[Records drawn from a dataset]
_ _ _
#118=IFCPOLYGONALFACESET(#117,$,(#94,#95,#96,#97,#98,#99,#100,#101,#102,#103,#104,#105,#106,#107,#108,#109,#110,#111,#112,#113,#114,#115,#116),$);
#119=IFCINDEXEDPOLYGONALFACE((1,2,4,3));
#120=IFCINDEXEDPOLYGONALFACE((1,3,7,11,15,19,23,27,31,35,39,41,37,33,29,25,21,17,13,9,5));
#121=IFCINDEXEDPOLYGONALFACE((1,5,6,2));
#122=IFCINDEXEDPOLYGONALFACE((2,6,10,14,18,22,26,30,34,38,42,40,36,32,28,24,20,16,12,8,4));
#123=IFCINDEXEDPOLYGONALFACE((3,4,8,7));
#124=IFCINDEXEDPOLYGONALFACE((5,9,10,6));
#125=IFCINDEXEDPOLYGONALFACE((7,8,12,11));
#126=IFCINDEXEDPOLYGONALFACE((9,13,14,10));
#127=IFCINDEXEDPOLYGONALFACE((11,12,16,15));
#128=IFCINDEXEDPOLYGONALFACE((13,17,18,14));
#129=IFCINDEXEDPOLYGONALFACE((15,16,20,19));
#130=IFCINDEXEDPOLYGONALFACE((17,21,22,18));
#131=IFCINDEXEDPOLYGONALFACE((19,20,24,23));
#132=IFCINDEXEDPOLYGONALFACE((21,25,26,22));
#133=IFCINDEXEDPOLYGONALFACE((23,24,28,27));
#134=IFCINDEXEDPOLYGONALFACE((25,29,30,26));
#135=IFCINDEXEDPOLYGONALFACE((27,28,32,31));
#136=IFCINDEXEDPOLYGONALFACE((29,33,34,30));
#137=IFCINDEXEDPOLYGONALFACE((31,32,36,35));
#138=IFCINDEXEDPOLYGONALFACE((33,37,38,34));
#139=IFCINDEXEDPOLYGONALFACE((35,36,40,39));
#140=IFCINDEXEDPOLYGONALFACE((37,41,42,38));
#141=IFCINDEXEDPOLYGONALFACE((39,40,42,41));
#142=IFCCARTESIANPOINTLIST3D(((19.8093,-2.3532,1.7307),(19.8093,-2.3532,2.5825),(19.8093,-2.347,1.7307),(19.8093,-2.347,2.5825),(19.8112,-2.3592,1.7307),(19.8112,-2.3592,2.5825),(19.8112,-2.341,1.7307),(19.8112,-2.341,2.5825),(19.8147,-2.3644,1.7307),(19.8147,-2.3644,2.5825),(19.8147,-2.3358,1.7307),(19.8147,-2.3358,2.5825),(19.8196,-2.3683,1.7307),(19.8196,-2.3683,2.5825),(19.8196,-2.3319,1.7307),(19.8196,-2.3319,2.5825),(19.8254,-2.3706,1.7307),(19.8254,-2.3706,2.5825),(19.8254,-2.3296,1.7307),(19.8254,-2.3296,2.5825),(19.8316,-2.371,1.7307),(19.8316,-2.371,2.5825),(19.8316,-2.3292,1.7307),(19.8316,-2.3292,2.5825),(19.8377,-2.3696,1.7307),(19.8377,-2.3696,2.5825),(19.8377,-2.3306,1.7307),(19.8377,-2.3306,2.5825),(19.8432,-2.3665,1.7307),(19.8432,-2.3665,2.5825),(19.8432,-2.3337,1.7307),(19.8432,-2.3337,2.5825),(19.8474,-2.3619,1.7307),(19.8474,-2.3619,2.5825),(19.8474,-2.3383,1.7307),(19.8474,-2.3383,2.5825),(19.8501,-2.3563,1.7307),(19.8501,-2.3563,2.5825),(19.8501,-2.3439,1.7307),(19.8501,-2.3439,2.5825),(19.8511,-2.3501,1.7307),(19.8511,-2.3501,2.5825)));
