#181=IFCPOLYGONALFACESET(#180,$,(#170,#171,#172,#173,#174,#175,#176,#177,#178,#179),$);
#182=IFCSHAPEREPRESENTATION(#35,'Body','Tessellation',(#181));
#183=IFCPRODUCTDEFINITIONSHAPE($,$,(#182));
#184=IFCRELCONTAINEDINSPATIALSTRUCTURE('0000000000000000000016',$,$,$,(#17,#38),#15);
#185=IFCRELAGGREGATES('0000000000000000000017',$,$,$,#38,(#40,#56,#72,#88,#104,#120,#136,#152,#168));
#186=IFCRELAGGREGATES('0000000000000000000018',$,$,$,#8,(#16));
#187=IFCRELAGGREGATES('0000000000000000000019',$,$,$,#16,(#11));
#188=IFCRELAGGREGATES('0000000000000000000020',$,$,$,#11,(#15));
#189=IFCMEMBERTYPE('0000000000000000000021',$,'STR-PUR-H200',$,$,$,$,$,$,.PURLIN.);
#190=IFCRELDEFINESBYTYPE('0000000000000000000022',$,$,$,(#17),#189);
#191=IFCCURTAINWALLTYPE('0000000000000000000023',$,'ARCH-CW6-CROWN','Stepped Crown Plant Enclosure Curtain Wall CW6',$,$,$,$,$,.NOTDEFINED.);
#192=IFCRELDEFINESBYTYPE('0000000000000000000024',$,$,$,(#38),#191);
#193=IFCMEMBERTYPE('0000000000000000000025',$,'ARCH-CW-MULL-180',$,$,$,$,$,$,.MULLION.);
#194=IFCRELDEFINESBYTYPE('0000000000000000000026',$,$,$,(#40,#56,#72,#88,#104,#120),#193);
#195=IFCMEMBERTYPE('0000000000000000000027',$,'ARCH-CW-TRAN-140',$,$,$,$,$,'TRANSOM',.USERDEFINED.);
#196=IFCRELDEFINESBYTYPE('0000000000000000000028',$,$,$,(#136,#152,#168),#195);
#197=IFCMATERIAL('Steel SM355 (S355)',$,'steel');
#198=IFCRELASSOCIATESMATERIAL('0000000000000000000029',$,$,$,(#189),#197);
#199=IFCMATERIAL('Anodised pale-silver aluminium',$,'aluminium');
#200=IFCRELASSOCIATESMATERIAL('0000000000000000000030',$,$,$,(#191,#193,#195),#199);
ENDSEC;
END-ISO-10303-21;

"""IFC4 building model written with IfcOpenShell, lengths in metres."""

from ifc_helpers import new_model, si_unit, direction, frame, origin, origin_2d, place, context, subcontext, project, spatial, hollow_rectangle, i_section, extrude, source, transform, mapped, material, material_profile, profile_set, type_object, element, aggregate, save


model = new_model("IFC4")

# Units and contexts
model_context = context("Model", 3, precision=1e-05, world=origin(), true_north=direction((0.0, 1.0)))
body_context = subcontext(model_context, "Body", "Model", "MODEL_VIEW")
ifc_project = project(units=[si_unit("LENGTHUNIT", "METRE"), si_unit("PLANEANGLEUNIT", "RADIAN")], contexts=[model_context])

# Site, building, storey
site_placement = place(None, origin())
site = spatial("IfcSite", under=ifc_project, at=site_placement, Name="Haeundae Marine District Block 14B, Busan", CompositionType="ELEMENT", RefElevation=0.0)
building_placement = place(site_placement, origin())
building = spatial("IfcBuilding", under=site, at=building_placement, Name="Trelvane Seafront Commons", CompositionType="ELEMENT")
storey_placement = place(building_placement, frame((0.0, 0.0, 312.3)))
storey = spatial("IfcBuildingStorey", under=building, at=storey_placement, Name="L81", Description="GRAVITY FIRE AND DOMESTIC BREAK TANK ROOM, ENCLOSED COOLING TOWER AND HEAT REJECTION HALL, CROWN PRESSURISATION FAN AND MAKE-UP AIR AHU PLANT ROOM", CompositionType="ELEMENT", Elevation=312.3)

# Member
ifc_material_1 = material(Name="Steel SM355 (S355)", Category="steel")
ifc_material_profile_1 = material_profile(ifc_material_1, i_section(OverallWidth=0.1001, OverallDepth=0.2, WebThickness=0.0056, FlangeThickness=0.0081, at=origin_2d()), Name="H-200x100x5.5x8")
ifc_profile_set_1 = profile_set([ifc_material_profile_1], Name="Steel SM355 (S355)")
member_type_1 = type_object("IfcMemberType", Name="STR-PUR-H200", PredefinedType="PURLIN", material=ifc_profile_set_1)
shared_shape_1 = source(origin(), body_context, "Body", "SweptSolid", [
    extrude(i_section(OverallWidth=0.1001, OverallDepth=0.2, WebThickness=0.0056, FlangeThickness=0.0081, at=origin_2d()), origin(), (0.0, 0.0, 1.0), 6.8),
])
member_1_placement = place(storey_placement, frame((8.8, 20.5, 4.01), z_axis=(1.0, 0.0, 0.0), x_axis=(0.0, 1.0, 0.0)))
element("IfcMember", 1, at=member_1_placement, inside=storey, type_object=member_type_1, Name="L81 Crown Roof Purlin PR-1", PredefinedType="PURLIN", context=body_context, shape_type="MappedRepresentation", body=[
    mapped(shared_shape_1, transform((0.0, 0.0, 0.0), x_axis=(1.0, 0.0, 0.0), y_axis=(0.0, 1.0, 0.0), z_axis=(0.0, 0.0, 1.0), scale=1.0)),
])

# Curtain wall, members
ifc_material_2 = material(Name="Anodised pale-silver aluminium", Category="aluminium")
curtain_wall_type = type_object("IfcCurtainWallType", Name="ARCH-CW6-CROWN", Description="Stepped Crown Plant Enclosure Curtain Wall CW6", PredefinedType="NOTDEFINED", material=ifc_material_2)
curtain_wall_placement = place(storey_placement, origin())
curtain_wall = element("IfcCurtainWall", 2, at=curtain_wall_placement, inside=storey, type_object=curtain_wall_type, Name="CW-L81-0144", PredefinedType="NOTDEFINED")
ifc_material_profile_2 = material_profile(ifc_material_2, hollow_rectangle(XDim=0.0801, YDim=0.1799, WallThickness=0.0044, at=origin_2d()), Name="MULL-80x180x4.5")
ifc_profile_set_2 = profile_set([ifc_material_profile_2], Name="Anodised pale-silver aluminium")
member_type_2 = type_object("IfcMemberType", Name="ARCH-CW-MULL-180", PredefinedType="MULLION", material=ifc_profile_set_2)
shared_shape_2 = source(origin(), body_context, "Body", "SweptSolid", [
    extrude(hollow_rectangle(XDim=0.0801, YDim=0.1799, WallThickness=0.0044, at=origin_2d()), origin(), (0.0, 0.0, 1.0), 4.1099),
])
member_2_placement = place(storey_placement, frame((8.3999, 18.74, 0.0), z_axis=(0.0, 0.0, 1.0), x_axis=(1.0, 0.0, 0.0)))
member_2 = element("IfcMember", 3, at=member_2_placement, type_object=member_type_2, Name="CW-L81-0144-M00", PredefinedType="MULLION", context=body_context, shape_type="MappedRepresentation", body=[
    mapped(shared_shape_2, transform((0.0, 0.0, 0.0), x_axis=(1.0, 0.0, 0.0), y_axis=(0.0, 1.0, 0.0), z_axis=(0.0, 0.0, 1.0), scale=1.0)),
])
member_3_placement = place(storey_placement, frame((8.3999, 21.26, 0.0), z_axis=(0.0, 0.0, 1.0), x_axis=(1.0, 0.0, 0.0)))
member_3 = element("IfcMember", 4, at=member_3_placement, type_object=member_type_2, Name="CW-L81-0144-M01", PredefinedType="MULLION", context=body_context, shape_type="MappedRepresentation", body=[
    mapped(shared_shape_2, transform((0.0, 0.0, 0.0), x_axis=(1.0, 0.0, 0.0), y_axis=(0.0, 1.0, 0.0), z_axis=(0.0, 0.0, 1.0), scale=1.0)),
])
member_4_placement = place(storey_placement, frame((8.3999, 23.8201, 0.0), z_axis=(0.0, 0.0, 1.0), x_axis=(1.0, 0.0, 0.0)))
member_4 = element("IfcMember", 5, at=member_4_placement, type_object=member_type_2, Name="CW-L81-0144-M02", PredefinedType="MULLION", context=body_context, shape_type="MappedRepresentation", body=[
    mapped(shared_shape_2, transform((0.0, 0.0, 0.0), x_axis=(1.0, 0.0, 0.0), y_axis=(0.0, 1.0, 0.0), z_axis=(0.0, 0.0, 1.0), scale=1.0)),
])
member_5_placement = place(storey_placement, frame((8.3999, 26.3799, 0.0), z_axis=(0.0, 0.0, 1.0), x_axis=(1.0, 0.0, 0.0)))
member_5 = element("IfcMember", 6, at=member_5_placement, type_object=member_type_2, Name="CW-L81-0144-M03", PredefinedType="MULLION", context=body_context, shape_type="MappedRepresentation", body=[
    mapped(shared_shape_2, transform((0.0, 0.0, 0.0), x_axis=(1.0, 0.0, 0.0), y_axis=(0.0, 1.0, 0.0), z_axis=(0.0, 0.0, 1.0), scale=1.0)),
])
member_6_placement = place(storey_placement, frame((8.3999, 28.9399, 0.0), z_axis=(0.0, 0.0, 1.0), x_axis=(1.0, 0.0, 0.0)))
_ _ _
--- WHAT YOU SHOULD DO ---
Check each line above for the string "MULLION" and return those that contain it.

--- EXERCISE OUTPUT ---
#193=IFCMEMBERTYPE('0000000000000000000025',$,'ARCH-CW-MULL-180',$,$,$,$,$,$,.MULLION.);
member_type_2 = type_object("IfcMemberType", Name="ARCH-CW-MULL-180", PredefinedType="MULLION", material=ifc_profile_set_2)
member_2 = element("IfcMember", 3, at=member_2_placement, type_object=member_type_2, Name="CW-L81-0144-M00", PredefinedType="MULLION", context=body_context, shape_type="MappedRepresentation", body=[
member_3 = element("IfcMember", 4, at=member_3_placement, type_object=member_type_2, Name="CW-L81-0144-M01", PredefinedType="MULLION", context=body_context, shape_type="MappedRepresentation", body=[
member_4 = element("IfcMember", 5, at=member_4_placement, type_object=member_type_2, Name="CW-L81-0144-M02", PredefinedType="MULLION", context=body_context, shape_type="MappedRepresentation", body=[
member_5 = element("IfcMember", 6, at=member_5_placement, type_object=member_type_2, Name="CW-L81-0144-M03", PredefinedType="MULLION", context=body_context, shape_type="MappedRepresentation", body=[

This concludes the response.